** Opening DATA SUPPLIED block **

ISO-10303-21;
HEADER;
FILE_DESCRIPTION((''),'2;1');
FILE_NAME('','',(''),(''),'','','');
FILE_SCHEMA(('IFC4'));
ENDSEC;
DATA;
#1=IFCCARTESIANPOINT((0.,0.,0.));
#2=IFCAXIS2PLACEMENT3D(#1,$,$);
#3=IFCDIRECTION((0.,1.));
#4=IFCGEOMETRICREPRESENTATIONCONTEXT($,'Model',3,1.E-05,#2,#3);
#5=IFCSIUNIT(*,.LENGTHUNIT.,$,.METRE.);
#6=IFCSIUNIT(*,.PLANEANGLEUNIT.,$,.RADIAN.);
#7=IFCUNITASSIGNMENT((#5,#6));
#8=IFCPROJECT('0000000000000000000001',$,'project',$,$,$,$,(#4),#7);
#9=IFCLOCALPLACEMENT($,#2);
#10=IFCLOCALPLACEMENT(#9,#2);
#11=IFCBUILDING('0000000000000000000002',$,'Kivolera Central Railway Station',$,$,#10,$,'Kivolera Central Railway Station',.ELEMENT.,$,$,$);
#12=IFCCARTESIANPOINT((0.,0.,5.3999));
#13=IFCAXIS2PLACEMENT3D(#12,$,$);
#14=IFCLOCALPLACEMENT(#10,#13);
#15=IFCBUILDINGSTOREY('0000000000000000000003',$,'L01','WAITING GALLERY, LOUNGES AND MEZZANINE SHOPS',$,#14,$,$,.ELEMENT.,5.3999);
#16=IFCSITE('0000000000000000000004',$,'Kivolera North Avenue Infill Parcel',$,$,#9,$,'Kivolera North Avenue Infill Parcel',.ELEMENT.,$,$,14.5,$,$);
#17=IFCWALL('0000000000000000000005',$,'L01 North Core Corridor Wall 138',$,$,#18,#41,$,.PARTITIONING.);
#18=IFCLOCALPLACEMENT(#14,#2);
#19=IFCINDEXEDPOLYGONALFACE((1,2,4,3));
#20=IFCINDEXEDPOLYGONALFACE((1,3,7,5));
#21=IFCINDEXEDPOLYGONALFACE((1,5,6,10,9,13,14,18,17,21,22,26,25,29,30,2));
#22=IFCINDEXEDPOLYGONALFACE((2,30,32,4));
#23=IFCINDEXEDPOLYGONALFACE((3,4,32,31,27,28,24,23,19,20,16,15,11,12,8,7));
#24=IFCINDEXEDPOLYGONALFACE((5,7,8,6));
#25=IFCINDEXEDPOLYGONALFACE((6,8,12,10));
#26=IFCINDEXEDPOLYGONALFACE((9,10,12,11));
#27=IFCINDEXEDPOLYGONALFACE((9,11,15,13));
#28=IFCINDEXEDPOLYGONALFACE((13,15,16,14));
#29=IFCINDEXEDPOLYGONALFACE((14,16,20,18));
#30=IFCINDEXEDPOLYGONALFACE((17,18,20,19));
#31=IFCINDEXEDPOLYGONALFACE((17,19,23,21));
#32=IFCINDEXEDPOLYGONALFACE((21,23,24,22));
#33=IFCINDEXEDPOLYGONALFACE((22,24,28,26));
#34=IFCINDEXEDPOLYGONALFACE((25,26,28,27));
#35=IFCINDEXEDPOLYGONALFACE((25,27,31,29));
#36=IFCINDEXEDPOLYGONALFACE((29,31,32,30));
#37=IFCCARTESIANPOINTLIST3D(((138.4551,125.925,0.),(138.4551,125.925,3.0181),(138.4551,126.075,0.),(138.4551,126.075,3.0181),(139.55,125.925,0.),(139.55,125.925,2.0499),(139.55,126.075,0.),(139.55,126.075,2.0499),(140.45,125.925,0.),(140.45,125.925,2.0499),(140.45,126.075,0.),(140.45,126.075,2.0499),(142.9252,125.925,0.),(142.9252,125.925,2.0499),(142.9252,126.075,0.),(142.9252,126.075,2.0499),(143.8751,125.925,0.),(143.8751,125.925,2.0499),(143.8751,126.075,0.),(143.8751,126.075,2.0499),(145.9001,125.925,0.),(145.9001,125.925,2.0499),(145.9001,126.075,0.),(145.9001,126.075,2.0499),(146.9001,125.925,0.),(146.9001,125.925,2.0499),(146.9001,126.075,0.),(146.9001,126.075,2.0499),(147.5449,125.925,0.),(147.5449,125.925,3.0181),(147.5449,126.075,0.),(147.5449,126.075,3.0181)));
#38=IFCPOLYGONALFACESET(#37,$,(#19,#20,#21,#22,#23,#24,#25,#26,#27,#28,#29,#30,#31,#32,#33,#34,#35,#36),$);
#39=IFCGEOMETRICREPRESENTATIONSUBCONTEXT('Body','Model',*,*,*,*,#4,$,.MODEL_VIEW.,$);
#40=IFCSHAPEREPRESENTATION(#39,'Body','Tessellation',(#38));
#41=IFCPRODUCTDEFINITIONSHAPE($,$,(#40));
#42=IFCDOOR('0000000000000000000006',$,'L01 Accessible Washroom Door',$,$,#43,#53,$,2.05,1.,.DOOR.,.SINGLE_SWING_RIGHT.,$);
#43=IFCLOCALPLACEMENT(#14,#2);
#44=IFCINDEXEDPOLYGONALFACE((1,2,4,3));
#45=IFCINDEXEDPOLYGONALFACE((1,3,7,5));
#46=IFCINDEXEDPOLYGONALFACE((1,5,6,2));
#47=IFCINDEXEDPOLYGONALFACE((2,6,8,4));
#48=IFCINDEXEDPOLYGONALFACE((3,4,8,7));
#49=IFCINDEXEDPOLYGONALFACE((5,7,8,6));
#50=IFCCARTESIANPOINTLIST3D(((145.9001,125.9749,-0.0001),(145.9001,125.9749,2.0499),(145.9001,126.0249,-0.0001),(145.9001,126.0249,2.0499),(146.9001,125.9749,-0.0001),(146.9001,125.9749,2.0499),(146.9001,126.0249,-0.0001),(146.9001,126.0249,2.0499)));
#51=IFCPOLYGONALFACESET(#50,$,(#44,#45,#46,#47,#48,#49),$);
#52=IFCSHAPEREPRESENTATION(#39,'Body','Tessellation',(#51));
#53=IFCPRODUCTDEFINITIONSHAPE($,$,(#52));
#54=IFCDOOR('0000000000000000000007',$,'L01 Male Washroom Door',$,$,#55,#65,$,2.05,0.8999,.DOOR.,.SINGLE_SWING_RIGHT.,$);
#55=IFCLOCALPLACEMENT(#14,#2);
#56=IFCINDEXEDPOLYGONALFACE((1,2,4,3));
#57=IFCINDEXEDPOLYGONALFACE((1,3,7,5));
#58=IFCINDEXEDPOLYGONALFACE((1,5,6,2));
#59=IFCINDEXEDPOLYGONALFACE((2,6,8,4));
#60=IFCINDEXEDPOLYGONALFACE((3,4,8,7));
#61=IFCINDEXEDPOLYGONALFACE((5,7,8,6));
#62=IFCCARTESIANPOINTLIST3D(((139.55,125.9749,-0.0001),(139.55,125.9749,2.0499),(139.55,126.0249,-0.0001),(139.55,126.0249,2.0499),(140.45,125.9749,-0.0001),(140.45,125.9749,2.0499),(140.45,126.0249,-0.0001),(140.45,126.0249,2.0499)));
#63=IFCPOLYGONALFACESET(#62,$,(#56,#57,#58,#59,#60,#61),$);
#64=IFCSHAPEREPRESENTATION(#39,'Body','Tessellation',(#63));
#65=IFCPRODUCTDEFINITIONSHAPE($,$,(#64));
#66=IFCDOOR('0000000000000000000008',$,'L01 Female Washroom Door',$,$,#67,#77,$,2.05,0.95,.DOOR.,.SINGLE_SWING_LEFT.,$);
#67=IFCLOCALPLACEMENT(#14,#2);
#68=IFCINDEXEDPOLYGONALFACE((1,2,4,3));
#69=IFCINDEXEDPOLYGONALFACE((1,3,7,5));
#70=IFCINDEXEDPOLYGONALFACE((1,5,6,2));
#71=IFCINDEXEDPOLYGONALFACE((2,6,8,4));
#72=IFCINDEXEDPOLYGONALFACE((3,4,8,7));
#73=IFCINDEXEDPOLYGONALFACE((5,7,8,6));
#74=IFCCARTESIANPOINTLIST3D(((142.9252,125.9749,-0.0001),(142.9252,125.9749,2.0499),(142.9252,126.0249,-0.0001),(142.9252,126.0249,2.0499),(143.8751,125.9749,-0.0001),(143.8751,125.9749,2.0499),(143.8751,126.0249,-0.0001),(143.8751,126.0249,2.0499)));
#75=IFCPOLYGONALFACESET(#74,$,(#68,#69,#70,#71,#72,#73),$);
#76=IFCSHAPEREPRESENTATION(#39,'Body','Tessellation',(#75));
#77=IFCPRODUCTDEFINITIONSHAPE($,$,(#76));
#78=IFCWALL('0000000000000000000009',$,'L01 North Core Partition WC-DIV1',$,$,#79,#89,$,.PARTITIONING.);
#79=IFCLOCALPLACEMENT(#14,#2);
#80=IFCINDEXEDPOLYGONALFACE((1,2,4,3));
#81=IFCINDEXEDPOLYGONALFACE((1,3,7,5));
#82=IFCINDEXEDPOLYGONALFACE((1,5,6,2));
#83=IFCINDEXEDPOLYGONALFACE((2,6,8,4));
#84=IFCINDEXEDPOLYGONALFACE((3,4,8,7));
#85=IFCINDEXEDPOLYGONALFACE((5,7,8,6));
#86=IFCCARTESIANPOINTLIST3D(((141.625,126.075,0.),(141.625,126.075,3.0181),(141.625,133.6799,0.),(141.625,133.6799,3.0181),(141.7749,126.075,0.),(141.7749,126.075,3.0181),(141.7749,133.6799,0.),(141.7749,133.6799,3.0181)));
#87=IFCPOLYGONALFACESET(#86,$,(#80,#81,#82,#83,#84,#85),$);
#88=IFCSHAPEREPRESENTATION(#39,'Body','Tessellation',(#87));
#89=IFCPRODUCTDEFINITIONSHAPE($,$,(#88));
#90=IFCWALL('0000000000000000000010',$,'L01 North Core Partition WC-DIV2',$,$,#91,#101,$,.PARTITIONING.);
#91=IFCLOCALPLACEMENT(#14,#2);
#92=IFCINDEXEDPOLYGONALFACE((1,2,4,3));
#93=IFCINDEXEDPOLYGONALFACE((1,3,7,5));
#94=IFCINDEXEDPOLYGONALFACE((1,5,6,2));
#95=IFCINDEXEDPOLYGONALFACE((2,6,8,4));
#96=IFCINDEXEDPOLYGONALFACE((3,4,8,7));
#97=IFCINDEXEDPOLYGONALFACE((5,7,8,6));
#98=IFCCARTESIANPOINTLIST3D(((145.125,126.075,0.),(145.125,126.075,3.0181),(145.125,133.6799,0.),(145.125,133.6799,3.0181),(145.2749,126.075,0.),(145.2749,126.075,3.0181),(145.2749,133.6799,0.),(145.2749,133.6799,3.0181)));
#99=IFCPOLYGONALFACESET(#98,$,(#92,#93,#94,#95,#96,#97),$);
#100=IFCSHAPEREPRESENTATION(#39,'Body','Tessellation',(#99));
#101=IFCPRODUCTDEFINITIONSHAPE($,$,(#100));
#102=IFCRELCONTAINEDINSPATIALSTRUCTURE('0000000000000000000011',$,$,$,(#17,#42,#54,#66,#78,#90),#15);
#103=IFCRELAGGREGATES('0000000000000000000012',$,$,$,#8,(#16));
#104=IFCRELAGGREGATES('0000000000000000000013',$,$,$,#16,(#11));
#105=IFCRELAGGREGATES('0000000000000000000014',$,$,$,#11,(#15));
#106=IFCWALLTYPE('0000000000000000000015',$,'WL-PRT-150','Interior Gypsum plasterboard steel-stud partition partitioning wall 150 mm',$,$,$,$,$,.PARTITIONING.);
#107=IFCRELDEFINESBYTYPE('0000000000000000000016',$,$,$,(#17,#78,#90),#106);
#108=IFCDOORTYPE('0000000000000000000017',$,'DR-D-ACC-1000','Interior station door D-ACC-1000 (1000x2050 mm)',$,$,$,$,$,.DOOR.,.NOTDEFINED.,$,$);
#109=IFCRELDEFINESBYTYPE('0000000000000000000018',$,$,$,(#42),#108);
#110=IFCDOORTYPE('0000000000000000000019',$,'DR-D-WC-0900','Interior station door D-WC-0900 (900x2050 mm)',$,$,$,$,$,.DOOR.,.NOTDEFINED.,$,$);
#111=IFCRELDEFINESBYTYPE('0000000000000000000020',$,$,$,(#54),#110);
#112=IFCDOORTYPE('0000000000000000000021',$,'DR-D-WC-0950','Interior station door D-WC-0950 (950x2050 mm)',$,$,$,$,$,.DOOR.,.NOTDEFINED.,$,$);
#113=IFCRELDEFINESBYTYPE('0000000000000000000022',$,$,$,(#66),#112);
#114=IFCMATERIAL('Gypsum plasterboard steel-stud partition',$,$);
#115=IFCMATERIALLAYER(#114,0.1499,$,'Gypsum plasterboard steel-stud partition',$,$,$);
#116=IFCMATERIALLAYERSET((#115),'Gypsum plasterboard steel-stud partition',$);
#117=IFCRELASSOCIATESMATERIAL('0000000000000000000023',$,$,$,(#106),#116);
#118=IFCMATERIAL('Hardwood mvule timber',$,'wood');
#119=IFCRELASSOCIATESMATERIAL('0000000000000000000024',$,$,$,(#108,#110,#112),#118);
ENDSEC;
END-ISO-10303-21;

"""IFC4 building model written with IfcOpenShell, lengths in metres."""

from ifc_helpers import new_model, si_unit, direction, frame, frame_2d, origin, place, context, subcontext, project, spatial, rectangle, extrude, material, layer, layer_set, type_object, element, fill, save


model = new_model("IFC4")

# Units and contexts
model_context = context("Model", 3, precision=1e-05, world=origin(), true_north=direction((0.0, 1.0)))
body_context = subcontext(model_context, "Body", "Model", "MODEL_VIEW")
ifc_project = project(units=[si_unit("LENGTHUNIT", "METRE"), si_unit("PLANEANGLEUNIT", "RADIAN")], contexts=[model_context])

# Site, building, storey
site_placement = place(None, origin())
site = spatial("IfcSite", under=ifc_project, at=site_placement, Name="Kivolera North Avenue Infill Parcel", LongName="Kivolera North Avenue Infill Parcel", CompositionType="ELEMENT", RefElevation=14.5)
building_placement = place(site_placement, origin())
building = spatial("IfcBuilding", under=site, at=building_placement, Name="Kivolera Central Railway Station", LongName="Kivolera Central Railway Station", CompositionType="ELEMENT")
storey_placement = place(building_placement, frame((0.0, 0.0, 5.3999)))
storey = spatial("IfcBuildingStorey", under=building, at=storey_placement, Name="L01", Description="WAITING GALLERY, LOUNGES AND MEZZANINE SHOPS", CompositionType="ELEMENT", Elevation=5.3999)

# Shared definitions
ifc_material_1 = material(Name="Hardwood mvule timber", Category="wood")

# Shared definitions
ifc_material_2 = material(Name="Gypsum plasterboard steel-stud partition")

# Wall, openings, doors
ifc_layer_1 = layer(ifc_material_2, 0.1499, Name="Gypsum plasterboard steel-stud partition")
ifc_layer_set_1 = layer_set([ifc_layer_1], Name="Gypsum plasterboard steel-stud partition")
wall_type_1 = type_object("IfcWallType", Name="WL-PRT-150", Description="Interior Gypsum plasterboard steel-stud partition partitioning wall 150 mm", PredefinedType="PARTITIONING", material=ifc_layer_set_1)
wall_1_placement = place(storey_placement, frame((138.4551, 126.0, 0.0), z_axis=(0.0, 0.0, 1.0), x_axis=(1.0, 0.0, 0.0)))
wall_1 = element("IfcWall", 1, at=wall_1_placement, inside=storey, type_object=wall_type_1, Name="L01 North Core Corridor Wall 138", PredefinedType="PARTITIONING", context=body_context, shape_type="SweptSolid", body=[
    extrude(rectangle(XDim=9.0898, YDim=0.1499, at=frame_2d((4.5449, 0.0))), origin(), (0.0, 0.0, 1.0), 3.0181),
])
opening_1_placement = place(wall_1_placement, frame((1.095, 0.0, 0.0)))
opening_1 = element("IfcOpeningElement", 2, at=opening_1_placement, cuts=wall_1, PredefinedType="OPENING", context=body_context, shape_type="SweptSolid", body=[
    extrude(rectangle(XDim=0.8999, YDim=2.05, at=frame_2d((0.45, 1.0249))), frame((0.0, 0.085, 0.0), z_axis=(0.0, -1.0, 0.0), x_axis=(1.0, 0.0, 0.0)), (0.0, 0.0, 1.0), 0.1699),
])
opening_2_placement = place(wall_1_placement, frame((4.47, 0.0, 0.0)))
opening_2 = element("IfcOpeningElement", 3, at=opening_2_placement, cuts=wall_1, PredefinedType="OPENING", context=body_context, shape_type="SweptSolid", body=[
    extrude(rectangle(XDim=0.95, YDim=2.05, at=frame_2d((0.4751, 1.0249))), frame((0.0, 0.085, 0.0), z_axis=(0.0, -1.0, 0.0), x_axis=(1.0, 0.0, 0.0)), (0.0, 0.0, 1.0), 0.1699),
])
opening_3_placement = place(wall_1_placement, frame((7.4451, 0.0, 0.0)))
opening_3 = element("IfcOpeningElement", 4, at=opening_3_placement, cuts=wall_1, PredefinedType="OPENING", context=body_context, shape_type="SweptSolid", body=[
    extrude(rectangle(XDim=1.0, YDim=2.05, at=frame_2d((0.5, 1.0249))), frame((0.0, 0.085, 0.0), z_axis=(0.0, -1.0, 0.0), x_axis=(1.0, 0.0, 0.0)), (0.0, 0.0, 1.0), 0.1699),
])
door_type_1 = type_object("IfcDoorType", Name="DR-D-ACC-1000", Description="Interior station door D-ACC-1000 (1000x2050 mm)", OperationType="NOTDEFINED", PredefinedType="DOOR", material=ifc_material_1)
door_1_placement = place(opening_3_placement, origin())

** Closing DATA SUPPLIED block **

WHAT IS REQUIRED >> Above are records; repeat only the lines starting at the line with "#6=IFCSIUNIT(*,.PLANEANGLEUNIT.,$,.RADIAN.);" and ending at the line with "#14=IFCLOCALPLACEMENT(#10,#13);", exactly as they appear, both included.

RESPONSE >>
#6=IFCSIUNIT(*,.PLANEANGLEUNIT.,$,.RADIAN.);
#7=IFCUNITASSIGNMENT((#5,#6));
#8=IFCPROJECT('0000000000000000000001',$,'project',$,$,$,$,(#4),#7);
#9=IFCLOCALPLACEMENT($,#2);
#10=IFCLOCALPLACEMENT(#9,#2);
#11=IFCBUILDING('0000000000000000000002',$,'Kivolera Central Railway Station',$,$,#10,$,'Kivolera Central Railway Station',.ELEMENT.,$,$,$);
#12=IFCCARTESIANPOINT((0.,0.,5.3999));
#13=IFCAXIS2PLACEMENT3D(#12,$,$);
#14=IFCLOCALPLACEMENT(#10,#13);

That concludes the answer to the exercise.